- **Problem to work on**:
Return the lines below exactly, starting with the line that contains "END-ISO-10303-21;" and stopping after the last line.

[[ Material for this exercise open ]]

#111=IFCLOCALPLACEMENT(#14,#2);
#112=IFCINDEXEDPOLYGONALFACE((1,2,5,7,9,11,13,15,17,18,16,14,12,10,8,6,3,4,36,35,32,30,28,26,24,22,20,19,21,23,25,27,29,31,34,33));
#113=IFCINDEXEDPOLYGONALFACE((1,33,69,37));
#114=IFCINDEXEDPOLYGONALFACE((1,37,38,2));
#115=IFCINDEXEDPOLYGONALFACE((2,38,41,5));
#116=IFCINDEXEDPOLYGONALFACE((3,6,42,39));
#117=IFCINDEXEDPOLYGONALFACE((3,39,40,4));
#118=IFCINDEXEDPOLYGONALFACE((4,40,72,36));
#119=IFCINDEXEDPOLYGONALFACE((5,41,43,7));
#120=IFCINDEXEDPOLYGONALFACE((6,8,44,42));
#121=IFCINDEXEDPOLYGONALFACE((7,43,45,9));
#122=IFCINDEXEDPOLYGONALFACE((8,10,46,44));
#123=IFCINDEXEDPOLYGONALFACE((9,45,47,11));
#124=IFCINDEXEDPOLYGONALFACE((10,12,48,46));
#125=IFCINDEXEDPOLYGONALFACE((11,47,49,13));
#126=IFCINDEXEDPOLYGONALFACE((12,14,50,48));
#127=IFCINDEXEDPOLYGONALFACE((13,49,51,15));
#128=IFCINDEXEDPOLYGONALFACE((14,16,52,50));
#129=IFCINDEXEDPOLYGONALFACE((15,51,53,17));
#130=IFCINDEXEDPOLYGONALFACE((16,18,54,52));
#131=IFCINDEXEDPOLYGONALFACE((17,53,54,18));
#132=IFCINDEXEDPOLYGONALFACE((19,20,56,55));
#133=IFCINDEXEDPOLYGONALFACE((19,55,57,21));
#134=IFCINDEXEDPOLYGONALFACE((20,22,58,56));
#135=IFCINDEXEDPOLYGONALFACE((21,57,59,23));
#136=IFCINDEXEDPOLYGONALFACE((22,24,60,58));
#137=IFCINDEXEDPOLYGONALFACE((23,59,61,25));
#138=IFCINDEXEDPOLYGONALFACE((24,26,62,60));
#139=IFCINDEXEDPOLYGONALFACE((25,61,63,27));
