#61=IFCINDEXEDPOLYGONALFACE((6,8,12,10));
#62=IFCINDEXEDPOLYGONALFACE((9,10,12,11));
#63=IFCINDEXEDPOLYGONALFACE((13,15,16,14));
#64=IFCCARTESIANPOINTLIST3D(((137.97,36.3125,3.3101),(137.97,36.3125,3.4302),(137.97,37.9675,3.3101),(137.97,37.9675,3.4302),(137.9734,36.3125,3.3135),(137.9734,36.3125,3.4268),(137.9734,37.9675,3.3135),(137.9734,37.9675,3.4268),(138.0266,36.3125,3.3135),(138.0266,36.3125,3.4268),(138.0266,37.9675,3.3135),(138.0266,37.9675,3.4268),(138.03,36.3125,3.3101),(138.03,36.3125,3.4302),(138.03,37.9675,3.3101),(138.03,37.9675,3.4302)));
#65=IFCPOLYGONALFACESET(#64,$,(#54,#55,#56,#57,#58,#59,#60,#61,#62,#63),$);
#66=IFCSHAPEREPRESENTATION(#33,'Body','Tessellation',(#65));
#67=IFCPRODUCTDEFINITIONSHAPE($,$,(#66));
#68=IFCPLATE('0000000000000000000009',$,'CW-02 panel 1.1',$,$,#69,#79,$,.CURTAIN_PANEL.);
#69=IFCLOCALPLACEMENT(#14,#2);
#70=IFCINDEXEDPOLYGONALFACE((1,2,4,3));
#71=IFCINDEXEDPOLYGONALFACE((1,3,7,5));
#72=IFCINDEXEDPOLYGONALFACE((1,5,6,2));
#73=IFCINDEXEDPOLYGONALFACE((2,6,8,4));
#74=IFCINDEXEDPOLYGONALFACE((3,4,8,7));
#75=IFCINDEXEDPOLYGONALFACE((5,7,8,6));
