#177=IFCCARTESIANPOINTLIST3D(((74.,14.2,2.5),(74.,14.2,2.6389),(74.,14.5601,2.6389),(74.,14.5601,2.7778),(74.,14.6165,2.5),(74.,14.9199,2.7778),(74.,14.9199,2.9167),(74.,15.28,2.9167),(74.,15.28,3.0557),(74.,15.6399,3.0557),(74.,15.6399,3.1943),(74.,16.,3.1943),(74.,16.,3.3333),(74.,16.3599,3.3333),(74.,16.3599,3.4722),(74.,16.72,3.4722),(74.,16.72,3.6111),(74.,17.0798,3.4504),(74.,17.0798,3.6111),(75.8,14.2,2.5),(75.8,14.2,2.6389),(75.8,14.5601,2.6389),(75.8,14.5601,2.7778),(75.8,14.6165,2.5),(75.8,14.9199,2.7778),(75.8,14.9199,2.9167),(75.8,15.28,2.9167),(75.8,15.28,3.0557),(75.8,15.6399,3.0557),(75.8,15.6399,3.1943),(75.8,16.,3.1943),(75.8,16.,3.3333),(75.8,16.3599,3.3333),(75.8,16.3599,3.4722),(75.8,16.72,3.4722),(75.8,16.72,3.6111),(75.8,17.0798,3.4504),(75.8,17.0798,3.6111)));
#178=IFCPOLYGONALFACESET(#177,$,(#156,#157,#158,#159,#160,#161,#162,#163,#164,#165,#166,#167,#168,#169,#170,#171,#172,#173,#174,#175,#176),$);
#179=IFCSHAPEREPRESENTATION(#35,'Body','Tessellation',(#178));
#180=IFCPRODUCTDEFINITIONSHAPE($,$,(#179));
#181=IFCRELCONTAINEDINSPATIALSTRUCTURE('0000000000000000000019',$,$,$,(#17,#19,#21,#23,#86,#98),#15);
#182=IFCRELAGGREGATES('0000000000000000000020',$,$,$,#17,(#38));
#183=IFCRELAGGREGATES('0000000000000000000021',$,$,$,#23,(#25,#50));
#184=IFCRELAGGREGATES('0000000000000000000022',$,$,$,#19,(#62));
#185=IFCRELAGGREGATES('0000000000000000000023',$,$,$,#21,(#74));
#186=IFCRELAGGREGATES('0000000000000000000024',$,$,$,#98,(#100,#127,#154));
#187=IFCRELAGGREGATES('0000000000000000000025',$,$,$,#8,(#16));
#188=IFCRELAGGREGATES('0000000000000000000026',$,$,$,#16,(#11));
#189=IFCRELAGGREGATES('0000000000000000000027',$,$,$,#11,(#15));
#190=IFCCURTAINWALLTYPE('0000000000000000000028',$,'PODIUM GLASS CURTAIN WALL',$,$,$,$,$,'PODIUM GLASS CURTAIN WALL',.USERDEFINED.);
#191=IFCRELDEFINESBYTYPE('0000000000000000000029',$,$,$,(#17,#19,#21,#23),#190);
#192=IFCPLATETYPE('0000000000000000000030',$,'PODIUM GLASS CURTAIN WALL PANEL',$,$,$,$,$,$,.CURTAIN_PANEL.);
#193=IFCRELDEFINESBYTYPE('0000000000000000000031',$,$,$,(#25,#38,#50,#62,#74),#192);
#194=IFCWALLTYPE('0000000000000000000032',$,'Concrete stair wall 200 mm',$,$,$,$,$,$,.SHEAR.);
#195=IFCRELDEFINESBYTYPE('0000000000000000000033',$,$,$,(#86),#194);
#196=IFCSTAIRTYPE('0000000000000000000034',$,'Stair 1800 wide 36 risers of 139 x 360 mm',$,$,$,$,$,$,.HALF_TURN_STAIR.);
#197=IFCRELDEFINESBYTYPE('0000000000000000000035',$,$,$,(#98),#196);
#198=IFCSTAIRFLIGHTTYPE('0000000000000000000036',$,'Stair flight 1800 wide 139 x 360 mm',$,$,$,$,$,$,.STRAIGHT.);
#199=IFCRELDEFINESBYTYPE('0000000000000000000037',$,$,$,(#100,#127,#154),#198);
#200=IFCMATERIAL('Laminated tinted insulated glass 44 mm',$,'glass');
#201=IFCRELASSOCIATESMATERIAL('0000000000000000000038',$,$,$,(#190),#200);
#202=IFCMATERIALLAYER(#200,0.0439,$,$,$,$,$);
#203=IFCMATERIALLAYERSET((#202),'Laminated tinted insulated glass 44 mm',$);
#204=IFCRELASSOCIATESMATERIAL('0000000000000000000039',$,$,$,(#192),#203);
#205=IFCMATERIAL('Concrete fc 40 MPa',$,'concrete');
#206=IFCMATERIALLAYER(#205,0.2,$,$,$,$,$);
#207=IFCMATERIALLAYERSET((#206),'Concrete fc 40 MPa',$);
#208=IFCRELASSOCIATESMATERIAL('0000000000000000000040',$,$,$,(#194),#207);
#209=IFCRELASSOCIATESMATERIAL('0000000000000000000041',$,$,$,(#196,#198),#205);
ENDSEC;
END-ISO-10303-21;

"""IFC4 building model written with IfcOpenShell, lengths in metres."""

[[ Material for this exercise closed ]]

- **Your solution**:
END-ISO-10303-21;

"""IFC4 building model written with IfcOpenShell, lengths in metres."""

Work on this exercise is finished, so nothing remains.